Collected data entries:

--

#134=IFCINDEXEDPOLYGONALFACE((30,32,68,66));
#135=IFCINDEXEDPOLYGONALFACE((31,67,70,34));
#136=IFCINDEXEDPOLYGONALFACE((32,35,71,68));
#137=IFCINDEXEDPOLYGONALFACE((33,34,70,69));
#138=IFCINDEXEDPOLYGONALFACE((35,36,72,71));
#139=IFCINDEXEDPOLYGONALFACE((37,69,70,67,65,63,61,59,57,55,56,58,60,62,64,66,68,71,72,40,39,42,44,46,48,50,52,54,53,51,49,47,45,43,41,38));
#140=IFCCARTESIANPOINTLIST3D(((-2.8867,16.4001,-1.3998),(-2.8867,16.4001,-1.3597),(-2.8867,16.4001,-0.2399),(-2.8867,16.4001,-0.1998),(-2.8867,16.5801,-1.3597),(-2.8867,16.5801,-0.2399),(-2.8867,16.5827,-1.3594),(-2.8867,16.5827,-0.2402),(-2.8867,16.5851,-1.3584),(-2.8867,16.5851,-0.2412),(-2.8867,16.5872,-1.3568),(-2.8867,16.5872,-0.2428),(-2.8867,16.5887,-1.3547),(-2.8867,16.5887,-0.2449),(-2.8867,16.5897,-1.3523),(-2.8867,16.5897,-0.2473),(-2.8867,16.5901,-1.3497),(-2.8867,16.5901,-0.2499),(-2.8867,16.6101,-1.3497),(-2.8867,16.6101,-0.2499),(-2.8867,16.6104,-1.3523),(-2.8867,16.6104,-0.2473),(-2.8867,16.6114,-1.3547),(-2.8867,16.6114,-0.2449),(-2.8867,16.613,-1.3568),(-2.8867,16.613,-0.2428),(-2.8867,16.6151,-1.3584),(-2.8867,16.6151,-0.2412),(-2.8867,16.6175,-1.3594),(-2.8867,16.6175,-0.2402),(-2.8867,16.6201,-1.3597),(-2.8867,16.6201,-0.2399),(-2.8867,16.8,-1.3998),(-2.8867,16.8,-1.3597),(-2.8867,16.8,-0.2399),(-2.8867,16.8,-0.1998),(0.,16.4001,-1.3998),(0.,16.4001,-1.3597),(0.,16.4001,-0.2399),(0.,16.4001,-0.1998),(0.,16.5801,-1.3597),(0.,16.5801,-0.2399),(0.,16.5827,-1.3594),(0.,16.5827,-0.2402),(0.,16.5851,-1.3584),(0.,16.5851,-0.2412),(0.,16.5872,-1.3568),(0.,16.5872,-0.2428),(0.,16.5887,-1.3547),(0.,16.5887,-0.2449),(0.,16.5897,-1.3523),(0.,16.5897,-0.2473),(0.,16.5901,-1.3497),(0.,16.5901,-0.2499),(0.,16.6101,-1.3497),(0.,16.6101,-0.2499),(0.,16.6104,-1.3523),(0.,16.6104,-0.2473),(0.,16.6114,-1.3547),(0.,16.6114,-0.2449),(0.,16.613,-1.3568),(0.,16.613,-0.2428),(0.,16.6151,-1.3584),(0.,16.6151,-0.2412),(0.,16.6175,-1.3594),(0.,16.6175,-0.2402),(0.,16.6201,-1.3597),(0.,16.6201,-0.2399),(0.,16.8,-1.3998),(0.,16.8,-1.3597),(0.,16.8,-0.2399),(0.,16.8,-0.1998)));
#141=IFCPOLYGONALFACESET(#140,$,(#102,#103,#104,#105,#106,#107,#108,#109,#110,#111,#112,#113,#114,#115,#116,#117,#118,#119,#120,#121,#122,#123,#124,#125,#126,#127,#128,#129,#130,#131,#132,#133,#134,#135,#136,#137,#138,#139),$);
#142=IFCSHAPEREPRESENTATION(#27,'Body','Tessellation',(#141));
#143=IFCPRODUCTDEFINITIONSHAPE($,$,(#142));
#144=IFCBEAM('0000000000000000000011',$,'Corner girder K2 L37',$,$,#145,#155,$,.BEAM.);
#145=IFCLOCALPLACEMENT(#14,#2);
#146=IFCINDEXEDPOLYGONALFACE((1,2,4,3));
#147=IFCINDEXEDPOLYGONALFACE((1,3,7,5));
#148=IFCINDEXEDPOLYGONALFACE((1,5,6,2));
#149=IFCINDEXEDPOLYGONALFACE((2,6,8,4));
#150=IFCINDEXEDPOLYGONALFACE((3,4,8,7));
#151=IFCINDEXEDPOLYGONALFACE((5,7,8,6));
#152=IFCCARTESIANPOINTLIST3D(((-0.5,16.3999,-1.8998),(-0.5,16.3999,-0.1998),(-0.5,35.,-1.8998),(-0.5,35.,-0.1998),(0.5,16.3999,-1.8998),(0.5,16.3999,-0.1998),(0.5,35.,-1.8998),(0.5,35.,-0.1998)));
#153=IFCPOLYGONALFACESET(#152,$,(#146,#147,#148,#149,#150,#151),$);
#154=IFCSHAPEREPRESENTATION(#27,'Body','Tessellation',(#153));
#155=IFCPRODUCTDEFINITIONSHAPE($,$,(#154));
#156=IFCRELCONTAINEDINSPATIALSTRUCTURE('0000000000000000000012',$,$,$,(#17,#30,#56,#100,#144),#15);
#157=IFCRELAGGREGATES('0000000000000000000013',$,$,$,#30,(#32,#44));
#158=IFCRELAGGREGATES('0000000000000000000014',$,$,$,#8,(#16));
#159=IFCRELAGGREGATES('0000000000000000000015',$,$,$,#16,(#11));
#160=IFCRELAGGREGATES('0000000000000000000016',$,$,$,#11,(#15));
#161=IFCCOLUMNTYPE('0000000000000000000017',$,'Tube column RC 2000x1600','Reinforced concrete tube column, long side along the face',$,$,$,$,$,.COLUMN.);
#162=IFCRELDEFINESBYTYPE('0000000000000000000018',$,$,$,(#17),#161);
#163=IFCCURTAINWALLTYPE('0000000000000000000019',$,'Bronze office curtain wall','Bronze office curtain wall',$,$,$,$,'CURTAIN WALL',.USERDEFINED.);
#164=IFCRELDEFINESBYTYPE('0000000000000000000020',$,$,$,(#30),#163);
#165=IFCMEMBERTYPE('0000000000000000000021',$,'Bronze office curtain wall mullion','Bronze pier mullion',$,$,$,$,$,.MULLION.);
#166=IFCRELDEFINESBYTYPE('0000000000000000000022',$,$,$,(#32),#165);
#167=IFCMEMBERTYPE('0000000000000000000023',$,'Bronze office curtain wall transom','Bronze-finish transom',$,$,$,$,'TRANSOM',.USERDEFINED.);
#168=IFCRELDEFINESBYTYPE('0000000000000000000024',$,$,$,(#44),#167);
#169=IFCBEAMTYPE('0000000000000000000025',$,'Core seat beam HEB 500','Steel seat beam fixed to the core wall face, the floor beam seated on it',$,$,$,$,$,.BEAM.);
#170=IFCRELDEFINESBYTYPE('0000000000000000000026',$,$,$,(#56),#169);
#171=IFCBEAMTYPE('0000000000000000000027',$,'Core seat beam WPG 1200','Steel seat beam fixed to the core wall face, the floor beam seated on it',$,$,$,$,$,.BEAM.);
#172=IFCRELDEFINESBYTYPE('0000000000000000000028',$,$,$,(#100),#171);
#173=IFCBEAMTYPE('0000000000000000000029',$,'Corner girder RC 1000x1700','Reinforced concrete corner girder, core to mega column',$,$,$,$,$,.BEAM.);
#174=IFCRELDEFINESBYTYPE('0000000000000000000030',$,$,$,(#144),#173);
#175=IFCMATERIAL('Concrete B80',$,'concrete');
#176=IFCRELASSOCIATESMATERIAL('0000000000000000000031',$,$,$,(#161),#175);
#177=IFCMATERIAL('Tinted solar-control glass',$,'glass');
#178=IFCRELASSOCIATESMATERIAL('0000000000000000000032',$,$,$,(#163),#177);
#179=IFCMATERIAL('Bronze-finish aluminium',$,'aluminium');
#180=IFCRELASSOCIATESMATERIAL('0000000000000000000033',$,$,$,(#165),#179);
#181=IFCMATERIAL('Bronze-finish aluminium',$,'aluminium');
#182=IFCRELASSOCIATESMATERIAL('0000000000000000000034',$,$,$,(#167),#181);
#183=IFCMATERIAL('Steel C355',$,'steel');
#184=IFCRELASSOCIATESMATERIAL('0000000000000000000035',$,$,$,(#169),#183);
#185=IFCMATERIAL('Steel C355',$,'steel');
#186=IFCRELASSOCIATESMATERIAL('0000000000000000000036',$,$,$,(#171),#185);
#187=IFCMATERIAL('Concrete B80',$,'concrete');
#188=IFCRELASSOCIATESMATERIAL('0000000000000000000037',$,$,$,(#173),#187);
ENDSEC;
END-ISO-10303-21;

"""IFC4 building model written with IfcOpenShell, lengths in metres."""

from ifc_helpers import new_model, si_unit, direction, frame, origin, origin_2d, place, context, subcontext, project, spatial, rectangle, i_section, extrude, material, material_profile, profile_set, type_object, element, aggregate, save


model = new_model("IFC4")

--

- Exercise: Copy the stretch of the records above that runs from the line with "#149=IFCINDEXEDPOLYGONALFACE((2,6,8,4));" through the line with "#151=IFCINDEXEDPOLYGONALFACE((5,7,8,6));". Both end lines belong in the copy, and nothing else does.

- Response to the task:
#149=IFCINDEXEDPOLYGONALFACE((2,6,8,4));
#150=IFCINDEXEDPOLYGONALFACE((3,4,8,7));
#151=IFCINDEXEDPOLYGONALFACE((5,7,8,6));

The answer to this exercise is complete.